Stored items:
● ● ● ● ● ● ●
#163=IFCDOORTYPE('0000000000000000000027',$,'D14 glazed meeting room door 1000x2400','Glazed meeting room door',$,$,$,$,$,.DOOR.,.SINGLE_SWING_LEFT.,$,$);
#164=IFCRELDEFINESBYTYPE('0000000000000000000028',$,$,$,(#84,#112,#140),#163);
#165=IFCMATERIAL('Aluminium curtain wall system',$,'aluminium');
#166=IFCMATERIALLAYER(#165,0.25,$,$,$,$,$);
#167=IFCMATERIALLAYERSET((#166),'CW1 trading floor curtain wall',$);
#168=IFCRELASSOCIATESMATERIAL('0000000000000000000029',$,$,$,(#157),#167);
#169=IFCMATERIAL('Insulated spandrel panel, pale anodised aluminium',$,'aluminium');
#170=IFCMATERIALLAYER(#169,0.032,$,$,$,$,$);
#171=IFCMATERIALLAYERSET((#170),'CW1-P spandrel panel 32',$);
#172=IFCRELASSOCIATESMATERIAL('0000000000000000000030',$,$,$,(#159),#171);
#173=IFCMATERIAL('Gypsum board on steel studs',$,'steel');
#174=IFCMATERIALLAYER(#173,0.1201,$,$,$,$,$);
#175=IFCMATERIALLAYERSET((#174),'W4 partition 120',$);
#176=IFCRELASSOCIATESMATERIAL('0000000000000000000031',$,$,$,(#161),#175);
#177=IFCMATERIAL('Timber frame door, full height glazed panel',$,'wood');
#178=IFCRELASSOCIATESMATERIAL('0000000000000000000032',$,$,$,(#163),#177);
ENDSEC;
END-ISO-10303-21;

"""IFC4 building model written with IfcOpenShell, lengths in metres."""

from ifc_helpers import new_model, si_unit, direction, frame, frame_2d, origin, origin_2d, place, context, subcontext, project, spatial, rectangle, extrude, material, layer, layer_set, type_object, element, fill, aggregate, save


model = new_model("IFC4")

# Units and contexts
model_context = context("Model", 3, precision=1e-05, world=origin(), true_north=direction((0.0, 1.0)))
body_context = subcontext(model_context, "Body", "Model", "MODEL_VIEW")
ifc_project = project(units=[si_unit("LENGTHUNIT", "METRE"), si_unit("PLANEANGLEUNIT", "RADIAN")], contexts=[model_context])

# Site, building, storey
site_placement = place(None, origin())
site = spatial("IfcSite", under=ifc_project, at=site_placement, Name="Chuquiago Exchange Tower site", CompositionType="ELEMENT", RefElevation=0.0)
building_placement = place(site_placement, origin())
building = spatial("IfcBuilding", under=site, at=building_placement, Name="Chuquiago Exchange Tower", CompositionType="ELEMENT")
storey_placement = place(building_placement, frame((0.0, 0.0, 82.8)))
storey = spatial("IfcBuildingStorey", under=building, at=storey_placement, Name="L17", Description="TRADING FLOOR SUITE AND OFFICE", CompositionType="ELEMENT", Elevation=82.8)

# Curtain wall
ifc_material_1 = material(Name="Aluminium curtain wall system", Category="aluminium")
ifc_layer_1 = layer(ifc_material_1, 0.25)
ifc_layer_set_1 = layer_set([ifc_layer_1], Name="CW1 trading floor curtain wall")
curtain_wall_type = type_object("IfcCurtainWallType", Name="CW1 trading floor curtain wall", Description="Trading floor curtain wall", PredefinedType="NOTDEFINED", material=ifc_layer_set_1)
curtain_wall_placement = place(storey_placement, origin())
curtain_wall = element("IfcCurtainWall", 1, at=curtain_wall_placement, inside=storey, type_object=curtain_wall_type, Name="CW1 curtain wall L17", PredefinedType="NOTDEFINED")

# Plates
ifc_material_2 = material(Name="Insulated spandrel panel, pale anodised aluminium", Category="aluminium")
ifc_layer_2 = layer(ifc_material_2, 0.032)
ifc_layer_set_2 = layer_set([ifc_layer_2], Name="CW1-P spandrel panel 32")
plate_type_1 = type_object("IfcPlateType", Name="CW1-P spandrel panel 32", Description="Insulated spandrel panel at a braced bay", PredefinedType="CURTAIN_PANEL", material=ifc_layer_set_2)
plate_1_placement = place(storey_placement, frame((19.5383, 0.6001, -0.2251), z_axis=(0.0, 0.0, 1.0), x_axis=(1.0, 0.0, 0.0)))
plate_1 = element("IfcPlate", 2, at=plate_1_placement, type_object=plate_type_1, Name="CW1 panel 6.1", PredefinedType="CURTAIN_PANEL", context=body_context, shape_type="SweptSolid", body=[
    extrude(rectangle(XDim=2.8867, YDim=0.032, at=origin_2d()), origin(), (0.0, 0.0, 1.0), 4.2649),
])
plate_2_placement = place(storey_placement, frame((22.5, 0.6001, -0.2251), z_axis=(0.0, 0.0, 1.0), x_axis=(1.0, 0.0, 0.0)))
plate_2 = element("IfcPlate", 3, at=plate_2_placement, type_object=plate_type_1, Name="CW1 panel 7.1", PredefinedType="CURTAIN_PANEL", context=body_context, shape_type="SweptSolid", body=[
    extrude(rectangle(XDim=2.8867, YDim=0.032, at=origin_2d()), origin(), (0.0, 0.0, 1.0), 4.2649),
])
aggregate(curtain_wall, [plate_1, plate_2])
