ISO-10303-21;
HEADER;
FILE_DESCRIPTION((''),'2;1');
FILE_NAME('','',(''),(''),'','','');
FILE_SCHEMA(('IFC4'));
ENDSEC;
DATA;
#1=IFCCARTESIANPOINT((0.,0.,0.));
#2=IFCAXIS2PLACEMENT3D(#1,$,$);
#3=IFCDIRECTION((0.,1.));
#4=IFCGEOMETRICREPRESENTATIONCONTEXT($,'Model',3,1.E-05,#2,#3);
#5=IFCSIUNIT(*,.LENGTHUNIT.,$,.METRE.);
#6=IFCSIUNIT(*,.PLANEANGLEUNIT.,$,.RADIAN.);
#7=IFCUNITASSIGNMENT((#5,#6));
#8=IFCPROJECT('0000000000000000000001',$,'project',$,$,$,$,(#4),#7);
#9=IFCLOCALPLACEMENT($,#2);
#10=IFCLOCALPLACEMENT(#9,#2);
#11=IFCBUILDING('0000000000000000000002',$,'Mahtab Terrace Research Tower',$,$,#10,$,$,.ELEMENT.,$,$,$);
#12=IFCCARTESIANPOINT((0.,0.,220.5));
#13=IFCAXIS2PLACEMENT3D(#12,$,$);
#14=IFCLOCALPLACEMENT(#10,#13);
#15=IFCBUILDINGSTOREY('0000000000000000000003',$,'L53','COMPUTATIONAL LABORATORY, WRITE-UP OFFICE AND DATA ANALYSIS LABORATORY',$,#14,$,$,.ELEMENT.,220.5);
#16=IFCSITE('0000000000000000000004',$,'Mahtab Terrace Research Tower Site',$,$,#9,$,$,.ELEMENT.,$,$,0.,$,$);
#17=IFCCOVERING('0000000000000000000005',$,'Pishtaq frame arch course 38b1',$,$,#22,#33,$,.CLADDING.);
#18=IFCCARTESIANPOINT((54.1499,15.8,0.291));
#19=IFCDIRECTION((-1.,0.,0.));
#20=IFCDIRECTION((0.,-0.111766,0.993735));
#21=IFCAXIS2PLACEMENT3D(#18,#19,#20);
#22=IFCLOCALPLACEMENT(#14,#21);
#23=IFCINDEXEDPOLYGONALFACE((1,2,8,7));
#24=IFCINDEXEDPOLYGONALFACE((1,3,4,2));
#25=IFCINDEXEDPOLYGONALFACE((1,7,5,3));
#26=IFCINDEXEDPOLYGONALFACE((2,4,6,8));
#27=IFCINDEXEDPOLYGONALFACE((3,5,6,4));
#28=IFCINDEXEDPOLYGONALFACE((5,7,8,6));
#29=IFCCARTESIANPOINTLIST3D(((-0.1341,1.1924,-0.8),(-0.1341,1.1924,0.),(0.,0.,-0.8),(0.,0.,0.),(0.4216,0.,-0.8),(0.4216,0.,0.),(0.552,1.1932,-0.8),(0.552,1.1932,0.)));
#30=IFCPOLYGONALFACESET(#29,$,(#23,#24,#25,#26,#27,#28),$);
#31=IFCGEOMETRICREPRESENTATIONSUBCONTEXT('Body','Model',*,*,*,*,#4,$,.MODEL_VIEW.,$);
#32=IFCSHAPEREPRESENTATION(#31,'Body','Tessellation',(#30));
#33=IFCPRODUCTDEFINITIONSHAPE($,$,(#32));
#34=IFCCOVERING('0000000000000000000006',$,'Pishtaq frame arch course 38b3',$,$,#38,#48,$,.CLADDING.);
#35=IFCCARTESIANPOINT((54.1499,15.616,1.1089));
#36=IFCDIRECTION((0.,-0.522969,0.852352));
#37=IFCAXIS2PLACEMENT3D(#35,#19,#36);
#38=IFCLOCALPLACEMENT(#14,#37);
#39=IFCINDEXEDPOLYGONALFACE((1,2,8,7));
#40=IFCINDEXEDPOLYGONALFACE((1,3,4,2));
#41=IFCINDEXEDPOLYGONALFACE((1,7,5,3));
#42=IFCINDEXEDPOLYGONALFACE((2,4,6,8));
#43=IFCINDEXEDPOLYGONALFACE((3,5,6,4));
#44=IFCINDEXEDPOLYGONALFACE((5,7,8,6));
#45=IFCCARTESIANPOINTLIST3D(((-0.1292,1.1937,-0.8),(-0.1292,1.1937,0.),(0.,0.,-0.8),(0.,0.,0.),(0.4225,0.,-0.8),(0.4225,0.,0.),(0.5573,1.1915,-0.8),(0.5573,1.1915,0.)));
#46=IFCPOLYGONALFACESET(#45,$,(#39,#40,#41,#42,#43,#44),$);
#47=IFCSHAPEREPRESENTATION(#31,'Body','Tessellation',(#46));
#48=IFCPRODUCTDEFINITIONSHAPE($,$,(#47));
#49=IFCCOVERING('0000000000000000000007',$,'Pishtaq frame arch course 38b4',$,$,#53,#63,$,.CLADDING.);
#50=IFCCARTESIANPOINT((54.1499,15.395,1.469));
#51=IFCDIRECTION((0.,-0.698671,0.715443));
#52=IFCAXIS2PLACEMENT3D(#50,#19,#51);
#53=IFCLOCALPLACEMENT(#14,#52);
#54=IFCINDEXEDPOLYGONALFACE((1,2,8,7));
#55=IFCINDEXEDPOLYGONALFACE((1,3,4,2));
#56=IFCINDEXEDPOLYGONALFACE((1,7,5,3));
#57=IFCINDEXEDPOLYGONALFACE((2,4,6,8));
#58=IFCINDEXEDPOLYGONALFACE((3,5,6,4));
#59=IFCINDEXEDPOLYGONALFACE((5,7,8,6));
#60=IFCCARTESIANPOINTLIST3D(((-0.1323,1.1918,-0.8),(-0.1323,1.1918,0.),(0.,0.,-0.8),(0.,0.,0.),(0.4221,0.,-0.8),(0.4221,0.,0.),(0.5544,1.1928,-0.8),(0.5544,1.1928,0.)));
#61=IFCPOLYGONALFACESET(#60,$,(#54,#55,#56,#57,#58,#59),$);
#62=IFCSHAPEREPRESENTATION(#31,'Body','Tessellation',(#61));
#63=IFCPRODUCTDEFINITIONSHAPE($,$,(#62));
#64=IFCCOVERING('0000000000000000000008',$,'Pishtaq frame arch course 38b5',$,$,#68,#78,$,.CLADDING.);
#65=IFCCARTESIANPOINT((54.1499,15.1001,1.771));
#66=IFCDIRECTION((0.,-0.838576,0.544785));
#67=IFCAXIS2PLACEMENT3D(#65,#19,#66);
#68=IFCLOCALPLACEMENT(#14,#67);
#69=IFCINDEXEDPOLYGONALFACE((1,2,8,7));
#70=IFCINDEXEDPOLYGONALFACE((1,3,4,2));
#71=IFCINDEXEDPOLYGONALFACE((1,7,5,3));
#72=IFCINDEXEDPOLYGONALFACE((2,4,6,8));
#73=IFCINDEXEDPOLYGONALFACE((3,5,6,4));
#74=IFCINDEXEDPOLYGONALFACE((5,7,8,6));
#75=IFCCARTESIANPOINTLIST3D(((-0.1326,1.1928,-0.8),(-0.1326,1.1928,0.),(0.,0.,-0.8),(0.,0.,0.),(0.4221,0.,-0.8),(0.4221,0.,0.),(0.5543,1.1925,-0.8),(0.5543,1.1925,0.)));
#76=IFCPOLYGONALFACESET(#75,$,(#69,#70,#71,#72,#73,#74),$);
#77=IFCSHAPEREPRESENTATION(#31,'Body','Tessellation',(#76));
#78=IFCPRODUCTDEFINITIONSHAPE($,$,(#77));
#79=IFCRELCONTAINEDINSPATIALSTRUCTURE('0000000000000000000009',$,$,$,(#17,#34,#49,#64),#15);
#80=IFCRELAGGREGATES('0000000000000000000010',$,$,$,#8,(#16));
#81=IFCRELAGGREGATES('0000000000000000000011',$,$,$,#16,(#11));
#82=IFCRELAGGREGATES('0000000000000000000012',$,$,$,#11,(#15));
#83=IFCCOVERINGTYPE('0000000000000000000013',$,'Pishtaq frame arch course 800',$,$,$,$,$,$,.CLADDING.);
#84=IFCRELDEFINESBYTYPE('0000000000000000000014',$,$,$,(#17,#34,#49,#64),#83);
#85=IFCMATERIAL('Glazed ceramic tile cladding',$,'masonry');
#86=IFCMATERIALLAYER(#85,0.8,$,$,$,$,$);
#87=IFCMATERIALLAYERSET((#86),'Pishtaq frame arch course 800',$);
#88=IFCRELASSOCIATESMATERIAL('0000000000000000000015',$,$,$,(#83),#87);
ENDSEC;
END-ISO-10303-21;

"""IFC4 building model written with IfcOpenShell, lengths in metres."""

from ifc_helpers import new_model, si_unit, direction, frame, origin, place, context, subcontext, project, spatial, polyline, outline, extrude, material, layer, layer_set, type_object, element, save


model = new_model("IFC4")

# Units and contexts
model_context = context("Model", 3, precision=1e-05, world=origin(), true_north=direction((0.0, 1.0)))
body_context = subcontext(model_context, "Body", "Model", "MODEL_VIEW")
ifc_project = project(units=[si_unit("LENGTHUNIT", "METRE"), si_unit("PLANEANGLEUNIT", "RADIAN")], contexts=[model_context])

# Site, building, storey
site_placement = place(None, origin())
site = spatial("IfcSite", under=ifc_project, at=site_placement, Name="Mahtab Terrace Research Tower Site", CompositionType="ELEMENT", RefElevation=0.0)
building_placement = place(site_placement, origin())
building = spatial("IfcBuilding", under=site, at=building_placement, Name="Mahtab Terrace Research Tower", CompositionType="ELEMENT")
storey_placement = place(building_placement, frame((0.0, 0.0, 220.5)))
storey = spatial("IfcBuildingStorey", under=building, at=storey_placement, Name="L53", Description="COMPUTATIONAL LABORATORY, WRITE-UP OFFICE AND DATA ANALYSIS LABORATORY", CompositionType="ELEMENT", Elevation=220.5)

# Coverings
ifc_material_1 = material(Name="Glazed ceramic tile cladding", Category="masonry")
ifc_layer_1 = layer(ifc_material_1, 0.8)
ifc_layer_set_1 = layer_set([ifc_layer_1], Name="Pishtaq frame arch course 800")
covering_type_1 = type_object("IfcCoveringType", Name="Pishtaq frame arch course 800", PredefinedType="CLADDING", material=ifc_layer_set_1)
covering_1_placement = place(storey_placement, frame((54.1499, 15.8, 0.291), z_axis=(-1.0, 0.0, 0.0), x_axis=(0.0, -0.111766, 0.993735)))
element("IfcCovering", 1, at=covering_1_placement, inside=storey, type_object=covering_type_1, Name="Pishtaq frame arch course 38b1", PredefinedType="CLADDING", context=body_context, shape_type="SweptSolid", body=[
    extrude(outline(polyline([(0.0, 0.0), (0.4216, 0.0), (0.552, 1.1932), (-0.1341, 1.1924), (0.0, 0.0)])), origin(), (0.0, 0.0, -1.0), 0.8),
])
covering_2_placement = place(storey_placement, frame((54.1499, 15.616, 1.1089), z_axis=(-1.0, 0.0, 0.0), x_axis=(0.0, -0.522969, 0.852352)))
element("IfcCovering", 2, at=covering_2_placement, inside=storey, type_object=covering_type_1, Name="Pishtaq frame arch course 38b3", PredefinedType="CLADDING", context=body_context, shape_type="SweptSolid", body=[
    extrude(outline(polyline([(0.0, 0.0), (0.4225, 0.0), (0.5573, 1.1915), (-0.1292, 1.1937), (0.0, 0.0)])), origin(), (0.0, 0.0, -1.0), 0.8),
])
covering_3_placement = place(storey_placement, frame((54.1499, 15.395, 1.469), z_axis=(-1.0, 0.0, 0.0), x_axis=(0.0, -0.698671, 0.715443)))
element("IfcCovering", 3, at=covering_3_placement, inside=storey, type_object=covering_type_1, Name="Pishtaq frame arch course 38b4", PredefinedType="CLADDING", context=body_context, shape_type="SweptSolid", body=[
    extrude(outline(polyline([(0.0, 0.0), (0.4221, 0.0), (0.5544, 1.1928), (-0.1323, 1.1918), (0.0, 0.0)])), origin(), (0.0, 0.0, -1.0), 0.8),
])
covering_4_placement = place(storey_placement, frame((54.1499, 15.1001, 1.771), z_axis=(-1.0, 0.0, 0.0), x_axis=(0.0, -0.838576, 0.544785)))
element("IfcCovering", 4, at=covering_4_placement, inside=storey, type_object=covering_type_1, Name="Pishtaq frame arch course 38b5", PredefinedType="CLADDING", context=body_context, shape_type="SweptSolid", body=[
    extrude(outline(polyline([(0.0, 0.0), (0.4221, 0.0), (0.5543, 1.1925), (-0.1326, 1.1928), (0.0, 0.0)])), origin(), (0.0, 0.0, -1.0), 0.8),
])

save(model, "model.ifc")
● ● ● ● ● ● ●
** WHAT THE TASK REQUIRES **
Among the entries above, find the line with "#36=IFCDIRECTION((0.,-0.522969,0.852352));" and the line with "#42=IFCINDEXEDPOLYGONALFACE((2,4,6,8));"; give again exactly these two lines and all lines between them.

** SOLUTION TO THE EXERCISE **
#36=IFCDIRECTION((0.,-0.522969,0.852352));
#37=IFCAXIS2PLACEMENT3D(#35,#19,#36);
#38=IFCLOCALPLACEMENT(#14,#37);
#39=IFCINDEXEDPOLYGONALFACE((1,2,8,7));
#40=IFCINDEXEDPOLYGONALFACE((1,3,4,2));
#41=IFCINDEXEDPOLYGONALFACE((1,7,5,3));
#42=IFCINDEXEDPOLYGONALFACE((2,4,6,8));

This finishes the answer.